Information given

-*-*-

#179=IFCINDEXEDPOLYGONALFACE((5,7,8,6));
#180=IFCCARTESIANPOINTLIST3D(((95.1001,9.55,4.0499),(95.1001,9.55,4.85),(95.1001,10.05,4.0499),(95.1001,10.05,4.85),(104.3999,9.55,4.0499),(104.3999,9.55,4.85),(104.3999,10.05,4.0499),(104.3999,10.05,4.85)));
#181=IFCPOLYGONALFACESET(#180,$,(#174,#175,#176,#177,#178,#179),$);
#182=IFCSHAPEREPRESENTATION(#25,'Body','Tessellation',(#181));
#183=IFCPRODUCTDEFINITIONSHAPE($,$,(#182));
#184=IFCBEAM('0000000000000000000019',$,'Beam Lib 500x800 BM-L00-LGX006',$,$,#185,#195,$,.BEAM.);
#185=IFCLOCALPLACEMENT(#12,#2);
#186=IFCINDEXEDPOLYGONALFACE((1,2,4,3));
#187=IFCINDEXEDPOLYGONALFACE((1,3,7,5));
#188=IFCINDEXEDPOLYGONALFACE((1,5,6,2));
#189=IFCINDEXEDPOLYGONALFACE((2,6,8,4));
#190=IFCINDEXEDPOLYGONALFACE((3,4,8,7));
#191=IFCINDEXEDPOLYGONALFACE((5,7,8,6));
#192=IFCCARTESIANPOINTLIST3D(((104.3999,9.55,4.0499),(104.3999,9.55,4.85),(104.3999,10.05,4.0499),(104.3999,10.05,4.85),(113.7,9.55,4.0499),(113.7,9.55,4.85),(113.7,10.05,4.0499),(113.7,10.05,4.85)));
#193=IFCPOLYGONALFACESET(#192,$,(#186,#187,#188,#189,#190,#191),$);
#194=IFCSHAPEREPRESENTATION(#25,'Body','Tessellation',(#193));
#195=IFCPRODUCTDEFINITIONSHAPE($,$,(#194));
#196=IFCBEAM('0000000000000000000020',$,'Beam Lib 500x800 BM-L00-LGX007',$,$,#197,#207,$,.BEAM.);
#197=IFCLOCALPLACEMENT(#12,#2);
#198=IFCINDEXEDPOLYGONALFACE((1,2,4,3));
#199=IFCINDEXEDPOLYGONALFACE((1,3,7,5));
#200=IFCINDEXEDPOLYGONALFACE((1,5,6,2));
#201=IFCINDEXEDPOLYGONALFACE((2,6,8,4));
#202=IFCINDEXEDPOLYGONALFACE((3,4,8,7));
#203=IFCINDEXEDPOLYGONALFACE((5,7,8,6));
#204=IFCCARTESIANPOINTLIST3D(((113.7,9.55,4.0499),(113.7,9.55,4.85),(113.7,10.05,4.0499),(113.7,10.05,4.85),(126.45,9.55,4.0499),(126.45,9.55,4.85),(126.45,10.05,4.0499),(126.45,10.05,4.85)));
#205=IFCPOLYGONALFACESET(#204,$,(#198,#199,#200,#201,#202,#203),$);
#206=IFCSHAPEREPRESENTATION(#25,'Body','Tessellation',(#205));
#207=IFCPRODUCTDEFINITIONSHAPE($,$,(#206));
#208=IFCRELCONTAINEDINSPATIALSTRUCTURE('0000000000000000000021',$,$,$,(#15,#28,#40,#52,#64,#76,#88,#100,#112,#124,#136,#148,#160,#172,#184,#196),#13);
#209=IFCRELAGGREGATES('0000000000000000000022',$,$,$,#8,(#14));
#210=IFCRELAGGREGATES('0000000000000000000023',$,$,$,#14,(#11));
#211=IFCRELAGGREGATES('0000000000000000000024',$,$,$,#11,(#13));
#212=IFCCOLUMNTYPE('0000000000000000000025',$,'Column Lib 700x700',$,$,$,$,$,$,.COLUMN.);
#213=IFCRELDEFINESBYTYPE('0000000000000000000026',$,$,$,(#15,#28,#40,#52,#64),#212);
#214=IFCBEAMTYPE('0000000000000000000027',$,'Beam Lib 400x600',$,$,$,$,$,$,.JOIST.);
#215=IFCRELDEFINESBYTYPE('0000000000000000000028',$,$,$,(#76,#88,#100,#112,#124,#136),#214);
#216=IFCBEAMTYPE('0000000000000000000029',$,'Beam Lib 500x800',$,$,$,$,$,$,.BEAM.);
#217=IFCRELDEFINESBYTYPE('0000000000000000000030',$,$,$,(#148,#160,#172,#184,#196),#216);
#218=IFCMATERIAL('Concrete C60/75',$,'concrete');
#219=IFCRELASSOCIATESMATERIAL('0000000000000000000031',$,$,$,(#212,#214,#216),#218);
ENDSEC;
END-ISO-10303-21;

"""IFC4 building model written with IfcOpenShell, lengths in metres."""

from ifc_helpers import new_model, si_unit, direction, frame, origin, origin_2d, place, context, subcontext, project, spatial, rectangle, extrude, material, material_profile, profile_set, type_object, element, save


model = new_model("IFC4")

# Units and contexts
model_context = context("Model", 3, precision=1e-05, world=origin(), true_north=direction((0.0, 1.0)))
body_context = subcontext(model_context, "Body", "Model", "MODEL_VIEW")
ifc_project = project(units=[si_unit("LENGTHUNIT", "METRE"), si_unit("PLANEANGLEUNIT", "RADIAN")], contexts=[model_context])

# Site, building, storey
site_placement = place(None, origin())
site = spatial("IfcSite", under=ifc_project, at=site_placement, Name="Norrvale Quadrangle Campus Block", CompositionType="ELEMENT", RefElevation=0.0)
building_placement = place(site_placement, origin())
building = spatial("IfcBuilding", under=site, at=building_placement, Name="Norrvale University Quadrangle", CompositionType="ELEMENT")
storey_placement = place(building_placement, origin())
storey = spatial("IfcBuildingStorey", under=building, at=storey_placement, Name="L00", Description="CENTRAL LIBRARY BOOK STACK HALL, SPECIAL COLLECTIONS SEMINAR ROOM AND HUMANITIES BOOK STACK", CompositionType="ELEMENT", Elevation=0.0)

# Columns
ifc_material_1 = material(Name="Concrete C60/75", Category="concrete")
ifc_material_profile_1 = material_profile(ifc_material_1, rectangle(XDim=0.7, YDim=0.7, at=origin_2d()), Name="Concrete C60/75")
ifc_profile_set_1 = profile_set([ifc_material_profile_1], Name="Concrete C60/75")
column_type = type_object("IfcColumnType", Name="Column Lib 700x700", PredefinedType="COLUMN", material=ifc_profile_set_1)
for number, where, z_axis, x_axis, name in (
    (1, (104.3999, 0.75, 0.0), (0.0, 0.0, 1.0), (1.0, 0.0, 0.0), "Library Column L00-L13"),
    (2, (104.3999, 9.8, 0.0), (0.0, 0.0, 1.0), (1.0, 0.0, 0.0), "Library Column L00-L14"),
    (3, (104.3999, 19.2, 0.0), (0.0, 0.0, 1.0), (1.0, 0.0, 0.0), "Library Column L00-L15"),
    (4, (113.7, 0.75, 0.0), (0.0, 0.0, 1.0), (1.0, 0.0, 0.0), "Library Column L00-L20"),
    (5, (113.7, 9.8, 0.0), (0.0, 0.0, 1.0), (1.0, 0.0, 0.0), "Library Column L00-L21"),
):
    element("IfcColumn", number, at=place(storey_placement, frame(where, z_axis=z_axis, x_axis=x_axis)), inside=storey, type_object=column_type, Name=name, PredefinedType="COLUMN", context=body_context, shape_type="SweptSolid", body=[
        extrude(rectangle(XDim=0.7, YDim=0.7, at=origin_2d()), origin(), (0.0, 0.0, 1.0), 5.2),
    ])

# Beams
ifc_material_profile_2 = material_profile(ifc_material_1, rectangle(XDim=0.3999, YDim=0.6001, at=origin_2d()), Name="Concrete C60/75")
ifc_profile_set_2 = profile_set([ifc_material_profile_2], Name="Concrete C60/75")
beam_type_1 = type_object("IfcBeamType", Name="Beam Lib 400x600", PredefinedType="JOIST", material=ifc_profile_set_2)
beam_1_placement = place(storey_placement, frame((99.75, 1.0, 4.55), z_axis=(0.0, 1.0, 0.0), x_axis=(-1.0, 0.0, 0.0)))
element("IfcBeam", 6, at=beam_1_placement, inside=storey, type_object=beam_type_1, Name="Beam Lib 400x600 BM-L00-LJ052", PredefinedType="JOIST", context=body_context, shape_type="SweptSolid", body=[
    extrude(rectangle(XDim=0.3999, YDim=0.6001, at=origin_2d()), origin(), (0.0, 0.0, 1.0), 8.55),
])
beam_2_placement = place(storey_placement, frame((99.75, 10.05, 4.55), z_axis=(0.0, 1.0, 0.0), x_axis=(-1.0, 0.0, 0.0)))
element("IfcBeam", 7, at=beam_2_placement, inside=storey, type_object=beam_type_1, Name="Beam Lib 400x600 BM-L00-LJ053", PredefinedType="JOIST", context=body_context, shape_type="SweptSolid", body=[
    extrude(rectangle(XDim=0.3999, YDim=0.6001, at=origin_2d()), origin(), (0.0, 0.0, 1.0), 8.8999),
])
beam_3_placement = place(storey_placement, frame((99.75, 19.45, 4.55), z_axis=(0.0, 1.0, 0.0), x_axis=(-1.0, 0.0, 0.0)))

-*-*-

Work item
Scan the records above for the word "extrude". Show each line in which it appears.

Output for this task
from ifc_helpers import new_model, si_unit, direction, frame, origin, origin_2d, place, context, subcontext, project, spatial, rectangle, extrude, material, material_profile, profile_set, type_object, element, save
        extrude(rectangle(XDim=0.7, YDim=0.7, at=origin_2d()), origin(), (0.0, 0.0, 1.0), 5.2),
    extrude(rectangle(XDim=0.3999, YDim=0.6001, at=origin_2d()), origin(), (0.0, 0.0, 1.0), 8.55),
    extrude(rectangle(XDim=0.3999, YDim=0.6001, at=origin_2d()), origin(), (0.0, 0.0, 1.0), 8.8999),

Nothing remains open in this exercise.